__Requirement__: In the data that follows, count every line holding the string "IFCSIUNIT" and give the count alone.
== Segment start ==
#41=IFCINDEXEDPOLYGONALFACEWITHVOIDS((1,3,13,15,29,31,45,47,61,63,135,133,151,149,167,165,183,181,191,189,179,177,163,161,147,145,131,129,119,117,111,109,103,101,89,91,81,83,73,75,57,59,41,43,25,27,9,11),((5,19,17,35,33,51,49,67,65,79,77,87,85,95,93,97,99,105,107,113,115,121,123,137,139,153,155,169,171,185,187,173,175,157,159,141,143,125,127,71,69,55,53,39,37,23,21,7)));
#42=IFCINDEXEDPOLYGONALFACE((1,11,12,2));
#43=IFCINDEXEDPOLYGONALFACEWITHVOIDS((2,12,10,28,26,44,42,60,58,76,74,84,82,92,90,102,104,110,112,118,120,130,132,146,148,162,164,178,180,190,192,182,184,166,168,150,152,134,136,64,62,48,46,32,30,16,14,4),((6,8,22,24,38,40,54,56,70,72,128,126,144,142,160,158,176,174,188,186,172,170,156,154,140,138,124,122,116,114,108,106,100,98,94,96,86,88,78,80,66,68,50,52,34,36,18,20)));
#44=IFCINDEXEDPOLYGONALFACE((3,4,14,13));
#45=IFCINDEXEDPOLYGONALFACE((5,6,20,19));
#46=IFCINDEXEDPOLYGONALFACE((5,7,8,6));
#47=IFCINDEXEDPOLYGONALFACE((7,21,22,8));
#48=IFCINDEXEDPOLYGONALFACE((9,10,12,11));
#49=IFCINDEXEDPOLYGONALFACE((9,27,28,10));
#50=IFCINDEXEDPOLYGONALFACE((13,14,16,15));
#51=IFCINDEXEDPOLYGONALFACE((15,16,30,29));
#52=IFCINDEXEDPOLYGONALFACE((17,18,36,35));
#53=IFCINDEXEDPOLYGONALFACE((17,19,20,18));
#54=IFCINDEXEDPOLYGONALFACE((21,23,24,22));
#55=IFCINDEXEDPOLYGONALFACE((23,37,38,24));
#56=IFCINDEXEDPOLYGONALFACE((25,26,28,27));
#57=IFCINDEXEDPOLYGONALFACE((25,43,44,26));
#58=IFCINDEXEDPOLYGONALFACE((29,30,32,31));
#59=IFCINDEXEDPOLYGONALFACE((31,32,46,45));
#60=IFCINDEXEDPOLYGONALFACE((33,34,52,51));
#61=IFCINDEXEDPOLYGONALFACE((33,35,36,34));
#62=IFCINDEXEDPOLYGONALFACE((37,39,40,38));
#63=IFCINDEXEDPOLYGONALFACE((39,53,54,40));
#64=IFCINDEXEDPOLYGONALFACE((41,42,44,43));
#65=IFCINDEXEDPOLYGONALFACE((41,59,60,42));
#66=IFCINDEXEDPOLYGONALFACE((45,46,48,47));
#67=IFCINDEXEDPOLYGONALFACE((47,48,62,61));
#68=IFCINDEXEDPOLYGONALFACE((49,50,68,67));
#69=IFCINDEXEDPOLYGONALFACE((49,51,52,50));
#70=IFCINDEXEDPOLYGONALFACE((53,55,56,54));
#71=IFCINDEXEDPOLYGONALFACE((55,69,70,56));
== Segment end ==
== Segment start ==
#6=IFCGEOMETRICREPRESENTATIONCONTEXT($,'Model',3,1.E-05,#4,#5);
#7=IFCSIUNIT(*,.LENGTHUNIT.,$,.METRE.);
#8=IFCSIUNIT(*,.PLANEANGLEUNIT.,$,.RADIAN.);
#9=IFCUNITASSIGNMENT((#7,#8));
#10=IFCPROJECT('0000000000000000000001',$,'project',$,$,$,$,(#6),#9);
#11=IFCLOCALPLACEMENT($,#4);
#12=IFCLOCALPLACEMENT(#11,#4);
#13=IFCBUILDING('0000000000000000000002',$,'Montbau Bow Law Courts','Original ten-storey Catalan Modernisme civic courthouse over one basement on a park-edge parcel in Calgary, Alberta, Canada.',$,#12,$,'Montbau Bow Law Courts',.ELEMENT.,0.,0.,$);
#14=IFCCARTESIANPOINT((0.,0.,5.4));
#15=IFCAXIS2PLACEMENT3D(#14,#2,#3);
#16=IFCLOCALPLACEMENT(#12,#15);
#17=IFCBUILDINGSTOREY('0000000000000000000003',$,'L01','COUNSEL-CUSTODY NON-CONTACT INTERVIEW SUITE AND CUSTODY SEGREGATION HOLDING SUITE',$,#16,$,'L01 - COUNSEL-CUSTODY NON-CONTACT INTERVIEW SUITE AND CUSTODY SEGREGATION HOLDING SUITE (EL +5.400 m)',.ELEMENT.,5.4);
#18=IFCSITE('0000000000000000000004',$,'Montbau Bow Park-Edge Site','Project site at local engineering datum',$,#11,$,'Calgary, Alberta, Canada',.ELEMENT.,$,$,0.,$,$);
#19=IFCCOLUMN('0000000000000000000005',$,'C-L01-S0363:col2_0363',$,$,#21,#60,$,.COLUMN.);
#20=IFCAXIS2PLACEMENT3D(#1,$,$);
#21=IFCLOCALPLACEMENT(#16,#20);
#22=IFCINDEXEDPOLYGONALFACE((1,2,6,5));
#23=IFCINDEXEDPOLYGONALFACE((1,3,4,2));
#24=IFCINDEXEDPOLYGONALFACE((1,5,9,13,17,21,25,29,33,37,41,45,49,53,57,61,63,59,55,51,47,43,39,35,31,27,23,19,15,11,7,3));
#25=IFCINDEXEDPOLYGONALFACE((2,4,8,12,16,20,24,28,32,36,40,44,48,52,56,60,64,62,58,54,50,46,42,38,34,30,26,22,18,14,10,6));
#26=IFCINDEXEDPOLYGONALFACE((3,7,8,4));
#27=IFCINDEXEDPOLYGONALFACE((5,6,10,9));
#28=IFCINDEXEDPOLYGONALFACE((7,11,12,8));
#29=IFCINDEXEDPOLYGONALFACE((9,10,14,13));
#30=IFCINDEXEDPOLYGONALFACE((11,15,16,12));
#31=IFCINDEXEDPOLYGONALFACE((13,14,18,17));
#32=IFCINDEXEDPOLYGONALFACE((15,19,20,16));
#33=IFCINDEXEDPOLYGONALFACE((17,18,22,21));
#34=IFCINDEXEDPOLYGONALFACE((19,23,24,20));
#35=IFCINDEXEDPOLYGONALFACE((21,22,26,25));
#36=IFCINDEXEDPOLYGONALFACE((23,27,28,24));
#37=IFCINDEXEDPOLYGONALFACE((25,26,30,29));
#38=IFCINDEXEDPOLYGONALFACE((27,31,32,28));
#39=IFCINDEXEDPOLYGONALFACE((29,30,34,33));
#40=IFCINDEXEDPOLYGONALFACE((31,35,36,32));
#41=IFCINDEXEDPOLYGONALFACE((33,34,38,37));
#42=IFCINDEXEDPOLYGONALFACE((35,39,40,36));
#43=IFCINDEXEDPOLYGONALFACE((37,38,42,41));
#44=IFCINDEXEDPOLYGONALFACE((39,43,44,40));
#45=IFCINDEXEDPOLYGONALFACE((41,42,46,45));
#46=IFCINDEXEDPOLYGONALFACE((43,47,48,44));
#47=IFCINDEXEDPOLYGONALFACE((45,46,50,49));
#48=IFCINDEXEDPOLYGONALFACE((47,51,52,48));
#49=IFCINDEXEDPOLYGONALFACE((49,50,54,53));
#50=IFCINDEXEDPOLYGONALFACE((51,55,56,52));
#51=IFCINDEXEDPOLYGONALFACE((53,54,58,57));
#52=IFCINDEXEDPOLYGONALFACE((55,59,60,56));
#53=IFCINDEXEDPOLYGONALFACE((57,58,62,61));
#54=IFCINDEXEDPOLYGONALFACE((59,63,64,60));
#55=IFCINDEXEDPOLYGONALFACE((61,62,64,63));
== Segment end ==
__Solution__: 2